**Aim of the task**
Tell how many lines in these records contain the string "Screen", with only the number as the reply.

== Source records

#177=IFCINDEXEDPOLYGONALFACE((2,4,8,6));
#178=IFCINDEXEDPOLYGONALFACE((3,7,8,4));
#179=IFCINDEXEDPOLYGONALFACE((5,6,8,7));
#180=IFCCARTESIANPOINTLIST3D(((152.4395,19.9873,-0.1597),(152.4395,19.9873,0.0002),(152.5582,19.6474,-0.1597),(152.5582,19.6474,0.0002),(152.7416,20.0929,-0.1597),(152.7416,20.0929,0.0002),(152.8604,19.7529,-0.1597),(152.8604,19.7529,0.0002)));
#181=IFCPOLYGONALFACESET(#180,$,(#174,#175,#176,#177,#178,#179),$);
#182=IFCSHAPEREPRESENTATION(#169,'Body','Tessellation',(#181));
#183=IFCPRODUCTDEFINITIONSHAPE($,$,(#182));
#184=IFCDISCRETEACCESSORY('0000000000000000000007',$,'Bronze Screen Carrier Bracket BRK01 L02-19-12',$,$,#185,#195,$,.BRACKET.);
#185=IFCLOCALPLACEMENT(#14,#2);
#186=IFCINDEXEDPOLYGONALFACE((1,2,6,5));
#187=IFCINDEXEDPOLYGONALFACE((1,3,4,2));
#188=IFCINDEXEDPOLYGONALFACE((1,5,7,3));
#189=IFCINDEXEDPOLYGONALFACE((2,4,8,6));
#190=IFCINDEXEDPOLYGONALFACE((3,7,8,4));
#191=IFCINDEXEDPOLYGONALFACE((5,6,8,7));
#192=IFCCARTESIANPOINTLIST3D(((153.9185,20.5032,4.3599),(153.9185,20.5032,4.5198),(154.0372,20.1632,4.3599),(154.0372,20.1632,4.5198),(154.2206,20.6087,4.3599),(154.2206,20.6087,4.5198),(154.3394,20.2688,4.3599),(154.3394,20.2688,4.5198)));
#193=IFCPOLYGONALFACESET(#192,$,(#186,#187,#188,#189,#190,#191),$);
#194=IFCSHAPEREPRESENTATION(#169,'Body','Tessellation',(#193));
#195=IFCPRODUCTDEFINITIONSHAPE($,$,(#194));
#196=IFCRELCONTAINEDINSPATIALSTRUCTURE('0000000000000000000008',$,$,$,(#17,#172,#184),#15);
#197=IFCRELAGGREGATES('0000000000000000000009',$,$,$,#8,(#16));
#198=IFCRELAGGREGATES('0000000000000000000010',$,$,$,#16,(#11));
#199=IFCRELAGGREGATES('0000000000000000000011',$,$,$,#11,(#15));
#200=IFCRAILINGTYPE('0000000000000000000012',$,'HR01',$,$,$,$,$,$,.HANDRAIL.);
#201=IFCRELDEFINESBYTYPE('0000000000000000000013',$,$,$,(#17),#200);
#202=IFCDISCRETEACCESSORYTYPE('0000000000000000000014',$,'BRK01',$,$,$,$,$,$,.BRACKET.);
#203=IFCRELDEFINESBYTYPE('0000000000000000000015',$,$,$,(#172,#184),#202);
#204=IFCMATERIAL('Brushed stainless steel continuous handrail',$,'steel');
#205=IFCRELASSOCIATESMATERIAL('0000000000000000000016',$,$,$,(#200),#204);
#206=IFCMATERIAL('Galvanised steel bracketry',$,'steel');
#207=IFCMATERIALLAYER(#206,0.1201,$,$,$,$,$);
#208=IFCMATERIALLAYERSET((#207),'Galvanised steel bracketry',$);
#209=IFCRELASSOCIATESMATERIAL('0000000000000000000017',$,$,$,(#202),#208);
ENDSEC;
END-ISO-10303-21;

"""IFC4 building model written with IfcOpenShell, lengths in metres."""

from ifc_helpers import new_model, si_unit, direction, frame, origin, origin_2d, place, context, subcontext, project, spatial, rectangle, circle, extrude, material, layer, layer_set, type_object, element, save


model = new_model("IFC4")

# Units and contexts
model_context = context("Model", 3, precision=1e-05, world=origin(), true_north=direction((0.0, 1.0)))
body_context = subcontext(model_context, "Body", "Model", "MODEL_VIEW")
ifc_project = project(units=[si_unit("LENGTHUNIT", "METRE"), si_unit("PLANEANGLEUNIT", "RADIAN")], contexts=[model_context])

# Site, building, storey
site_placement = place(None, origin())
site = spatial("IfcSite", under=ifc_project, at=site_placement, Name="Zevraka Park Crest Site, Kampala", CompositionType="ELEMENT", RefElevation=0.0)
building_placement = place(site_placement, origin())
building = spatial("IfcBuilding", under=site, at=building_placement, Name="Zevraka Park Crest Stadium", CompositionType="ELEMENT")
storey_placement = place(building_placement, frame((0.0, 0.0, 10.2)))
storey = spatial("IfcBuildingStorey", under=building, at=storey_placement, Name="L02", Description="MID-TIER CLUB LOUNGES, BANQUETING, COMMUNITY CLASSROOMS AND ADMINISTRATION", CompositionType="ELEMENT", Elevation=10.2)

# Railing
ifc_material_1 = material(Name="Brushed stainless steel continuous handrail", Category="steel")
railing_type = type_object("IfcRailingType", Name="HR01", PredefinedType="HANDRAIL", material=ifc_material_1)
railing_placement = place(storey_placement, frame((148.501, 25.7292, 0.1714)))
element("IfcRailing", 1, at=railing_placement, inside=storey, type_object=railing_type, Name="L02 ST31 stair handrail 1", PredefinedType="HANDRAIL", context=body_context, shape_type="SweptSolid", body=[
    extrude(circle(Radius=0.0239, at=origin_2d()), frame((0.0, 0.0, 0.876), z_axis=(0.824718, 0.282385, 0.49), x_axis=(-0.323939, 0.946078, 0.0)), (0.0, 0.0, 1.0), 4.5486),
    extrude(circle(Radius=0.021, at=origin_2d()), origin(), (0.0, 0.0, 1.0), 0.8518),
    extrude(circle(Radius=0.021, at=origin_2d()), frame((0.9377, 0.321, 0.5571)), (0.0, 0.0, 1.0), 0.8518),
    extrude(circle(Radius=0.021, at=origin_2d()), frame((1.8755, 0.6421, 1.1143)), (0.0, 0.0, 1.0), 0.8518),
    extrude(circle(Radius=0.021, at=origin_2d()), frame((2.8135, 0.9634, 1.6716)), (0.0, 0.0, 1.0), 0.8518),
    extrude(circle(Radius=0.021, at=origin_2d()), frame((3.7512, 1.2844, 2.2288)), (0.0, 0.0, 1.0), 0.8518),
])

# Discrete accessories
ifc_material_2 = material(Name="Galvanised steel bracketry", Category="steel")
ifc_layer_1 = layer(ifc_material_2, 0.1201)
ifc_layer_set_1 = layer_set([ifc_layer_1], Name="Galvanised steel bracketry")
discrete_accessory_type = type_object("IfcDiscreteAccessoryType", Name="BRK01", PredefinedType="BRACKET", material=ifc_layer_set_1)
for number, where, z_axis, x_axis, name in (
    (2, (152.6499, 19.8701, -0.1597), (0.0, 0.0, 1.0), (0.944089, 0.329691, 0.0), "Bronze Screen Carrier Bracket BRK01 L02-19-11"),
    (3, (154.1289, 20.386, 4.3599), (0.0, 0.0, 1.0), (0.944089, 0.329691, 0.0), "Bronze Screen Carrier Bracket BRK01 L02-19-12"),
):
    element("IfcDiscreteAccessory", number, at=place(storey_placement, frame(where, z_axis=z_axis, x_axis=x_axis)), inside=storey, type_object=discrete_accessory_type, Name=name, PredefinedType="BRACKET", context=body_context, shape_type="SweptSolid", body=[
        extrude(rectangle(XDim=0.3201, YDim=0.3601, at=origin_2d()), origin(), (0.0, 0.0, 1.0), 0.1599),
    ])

====

**Response area**
3